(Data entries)
----------------------------------------

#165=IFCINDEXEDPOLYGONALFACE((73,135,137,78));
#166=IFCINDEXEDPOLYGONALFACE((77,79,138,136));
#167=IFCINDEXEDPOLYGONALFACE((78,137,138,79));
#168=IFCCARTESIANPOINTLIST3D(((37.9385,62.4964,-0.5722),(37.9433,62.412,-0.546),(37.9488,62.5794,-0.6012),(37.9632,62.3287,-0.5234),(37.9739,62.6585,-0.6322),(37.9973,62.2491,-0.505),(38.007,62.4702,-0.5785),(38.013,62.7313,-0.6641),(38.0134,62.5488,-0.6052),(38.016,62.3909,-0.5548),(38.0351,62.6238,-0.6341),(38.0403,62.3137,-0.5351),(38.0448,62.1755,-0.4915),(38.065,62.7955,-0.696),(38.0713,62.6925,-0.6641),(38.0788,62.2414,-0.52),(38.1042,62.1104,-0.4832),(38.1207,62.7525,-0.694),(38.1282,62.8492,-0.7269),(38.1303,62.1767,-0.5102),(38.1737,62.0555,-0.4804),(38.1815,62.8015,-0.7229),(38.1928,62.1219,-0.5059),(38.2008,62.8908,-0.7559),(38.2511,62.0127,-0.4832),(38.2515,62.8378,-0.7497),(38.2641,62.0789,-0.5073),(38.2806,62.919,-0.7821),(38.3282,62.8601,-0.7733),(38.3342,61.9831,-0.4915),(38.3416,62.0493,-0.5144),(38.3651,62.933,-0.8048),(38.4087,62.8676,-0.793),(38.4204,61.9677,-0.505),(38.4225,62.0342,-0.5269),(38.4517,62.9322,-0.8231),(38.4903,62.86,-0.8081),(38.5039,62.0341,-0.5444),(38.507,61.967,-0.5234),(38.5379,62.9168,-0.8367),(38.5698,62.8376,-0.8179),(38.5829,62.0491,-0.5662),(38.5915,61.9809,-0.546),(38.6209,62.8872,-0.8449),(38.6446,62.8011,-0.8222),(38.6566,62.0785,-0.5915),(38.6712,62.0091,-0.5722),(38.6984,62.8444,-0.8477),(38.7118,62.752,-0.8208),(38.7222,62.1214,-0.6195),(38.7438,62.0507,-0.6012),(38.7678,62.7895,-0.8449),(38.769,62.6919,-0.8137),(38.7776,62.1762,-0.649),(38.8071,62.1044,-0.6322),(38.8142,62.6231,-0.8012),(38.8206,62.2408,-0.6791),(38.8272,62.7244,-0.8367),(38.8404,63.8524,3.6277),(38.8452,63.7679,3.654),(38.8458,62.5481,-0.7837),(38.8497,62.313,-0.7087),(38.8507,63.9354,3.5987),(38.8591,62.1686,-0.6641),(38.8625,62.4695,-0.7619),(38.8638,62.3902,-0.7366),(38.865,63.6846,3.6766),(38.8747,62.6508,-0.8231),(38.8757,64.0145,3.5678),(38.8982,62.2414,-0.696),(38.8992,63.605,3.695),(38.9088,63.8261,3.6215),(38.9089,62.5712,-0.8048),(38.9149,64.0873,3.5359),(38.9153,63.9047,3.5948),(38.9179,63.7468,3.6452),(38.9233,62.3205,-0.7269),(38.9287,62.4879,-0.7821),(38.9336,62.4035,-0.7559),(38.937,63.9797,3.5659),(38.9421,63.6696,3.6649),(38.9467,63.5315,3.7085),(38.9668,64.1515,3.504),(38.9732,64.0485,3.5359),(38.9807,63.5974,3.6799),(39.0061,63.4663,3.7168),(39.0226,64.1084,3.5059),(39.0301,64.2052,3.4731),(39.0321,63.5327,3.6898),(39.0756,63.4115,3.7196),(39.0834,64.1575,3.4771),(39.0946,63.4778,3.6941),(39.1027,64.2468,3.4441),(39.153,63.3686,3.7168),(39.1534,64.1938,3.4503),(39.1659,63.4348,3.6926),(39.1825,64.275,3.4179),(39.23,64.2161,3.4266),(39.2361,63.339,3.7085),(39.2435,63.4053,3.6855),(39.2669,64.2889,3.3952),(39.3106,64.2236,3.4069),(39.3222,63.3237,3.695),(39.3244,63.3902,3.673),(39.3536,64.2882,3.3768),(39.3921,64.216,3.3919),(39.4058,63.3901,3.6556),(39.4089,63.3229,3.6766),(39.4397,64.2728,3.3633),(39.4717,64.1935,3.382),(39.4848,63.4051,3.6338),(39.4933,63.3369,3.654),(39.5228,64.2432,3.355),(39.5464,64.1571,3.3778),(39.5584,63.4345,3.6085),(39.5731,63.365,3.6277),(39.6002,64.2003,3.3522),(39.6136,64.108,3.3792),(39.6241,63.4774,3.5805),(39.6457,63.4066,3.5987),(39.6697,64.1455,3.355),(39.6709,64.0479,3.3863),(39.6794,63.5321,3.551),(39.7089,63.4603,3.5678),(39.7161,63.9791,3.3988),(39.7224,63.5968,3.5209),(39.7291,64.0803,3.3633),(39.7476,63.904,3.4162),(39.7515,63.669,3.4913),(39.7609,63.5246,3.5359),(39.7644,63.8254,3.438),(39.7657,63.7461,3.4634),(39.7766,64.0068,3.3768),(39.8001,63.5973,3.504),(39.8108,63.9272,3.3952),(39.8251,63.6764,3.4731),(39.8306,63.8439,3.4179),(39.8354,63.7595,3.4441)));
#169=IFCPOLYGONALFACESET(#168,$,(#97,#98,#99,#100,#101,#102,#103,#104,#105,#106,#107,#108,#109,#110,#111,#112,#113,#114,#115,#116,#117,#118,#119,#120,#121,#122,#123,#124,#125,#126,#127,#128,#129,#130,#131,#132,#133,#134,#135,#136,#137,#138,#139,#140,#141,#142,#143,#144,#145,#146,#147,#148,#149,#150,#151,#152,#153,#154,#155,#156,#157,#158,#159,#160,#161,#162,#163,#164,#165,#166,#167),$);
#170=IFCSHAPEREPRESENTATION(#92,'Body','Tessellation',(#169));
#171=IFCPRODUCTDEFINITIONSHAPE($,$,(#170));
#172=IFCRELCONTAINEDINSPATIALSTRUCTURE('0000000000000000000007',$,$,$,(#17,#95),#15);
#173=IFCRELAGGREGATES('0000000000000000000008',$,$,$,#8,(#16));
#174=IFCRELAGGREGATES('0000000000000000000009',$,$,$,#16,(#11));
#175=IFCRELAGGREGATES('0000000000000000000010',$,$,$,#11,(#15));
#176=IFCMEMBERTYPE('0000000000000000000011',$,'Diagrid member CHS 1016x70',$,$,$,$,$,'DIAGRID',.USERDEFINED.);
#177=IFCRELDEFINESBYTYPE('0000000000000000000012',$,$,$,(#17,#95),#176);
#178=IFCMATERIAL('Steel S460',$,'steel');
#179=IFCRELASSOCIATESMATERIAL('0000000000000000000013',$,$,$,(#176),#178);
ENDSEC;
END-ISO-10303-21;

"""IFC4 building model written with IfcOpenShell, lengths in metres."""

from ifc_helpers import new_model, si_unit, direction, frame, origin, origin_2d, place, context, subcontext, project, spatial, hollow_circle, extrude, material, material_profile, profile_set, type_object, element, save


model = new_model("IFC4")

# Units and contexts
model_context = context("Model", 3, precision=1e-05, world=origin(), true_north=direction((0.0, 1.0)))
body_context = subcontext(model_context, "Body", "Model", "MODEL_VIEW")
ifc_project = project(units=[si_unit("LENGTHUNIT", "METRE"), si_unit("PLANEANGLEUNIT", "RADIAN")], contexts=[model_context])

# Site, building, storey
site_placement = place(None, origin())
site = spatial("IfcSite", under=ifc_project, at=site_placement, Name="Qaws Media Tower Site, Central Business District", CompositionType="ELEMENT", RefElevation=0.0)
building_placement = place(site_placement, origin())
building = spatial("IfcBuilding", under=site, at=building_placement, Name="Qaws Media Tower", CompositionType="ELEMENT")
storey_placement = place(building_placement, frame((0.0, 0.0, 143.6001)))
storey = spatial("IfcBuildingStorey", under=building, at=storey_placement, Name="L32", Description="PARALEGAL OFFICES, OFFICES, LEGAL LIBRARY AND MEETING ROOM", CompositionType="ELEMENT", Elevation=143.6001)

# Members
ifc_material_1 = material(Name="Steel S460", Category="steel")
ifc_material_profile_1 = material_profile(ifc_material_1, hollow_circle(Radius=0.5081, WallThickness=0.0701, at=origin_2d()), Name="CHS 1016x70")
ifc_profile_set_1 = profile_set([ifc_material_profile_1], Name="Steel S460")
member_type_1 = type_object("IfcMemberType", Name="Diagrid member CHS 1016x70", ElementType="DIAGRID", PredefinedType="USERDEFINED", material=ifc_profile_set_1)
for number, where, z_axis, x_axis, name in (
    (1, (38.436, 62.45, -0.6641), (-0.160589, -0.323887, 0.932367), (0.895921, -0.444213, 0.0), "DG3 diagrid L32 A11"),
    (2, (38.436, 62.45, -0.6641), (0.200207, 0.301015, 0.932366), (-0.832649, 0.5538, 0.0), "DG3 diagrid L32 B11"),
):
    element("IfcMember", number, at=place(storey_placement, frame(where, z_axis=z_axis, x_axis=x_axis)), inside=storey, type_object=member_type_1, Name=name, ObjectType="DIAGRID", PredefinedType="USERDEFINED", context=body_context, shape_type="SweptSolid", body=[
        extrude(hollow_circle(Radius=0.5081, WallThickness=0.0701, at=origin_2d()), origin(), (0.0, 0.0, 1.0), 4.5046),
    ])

----------------------------------------

The lines above that hold "Media" are the result; show every one of them.

site = spatial("IfcSite", under=ifc_project, at=site_placement, Name="Qaws Media Tower Site, Central Business District", CompositionType="ELEMENT", RefElevation=0.0)
building = spatial("IfcBuilding", under=site, at=building_placement, Name="Qaws Media Tower", CompositionType="ELEMENT")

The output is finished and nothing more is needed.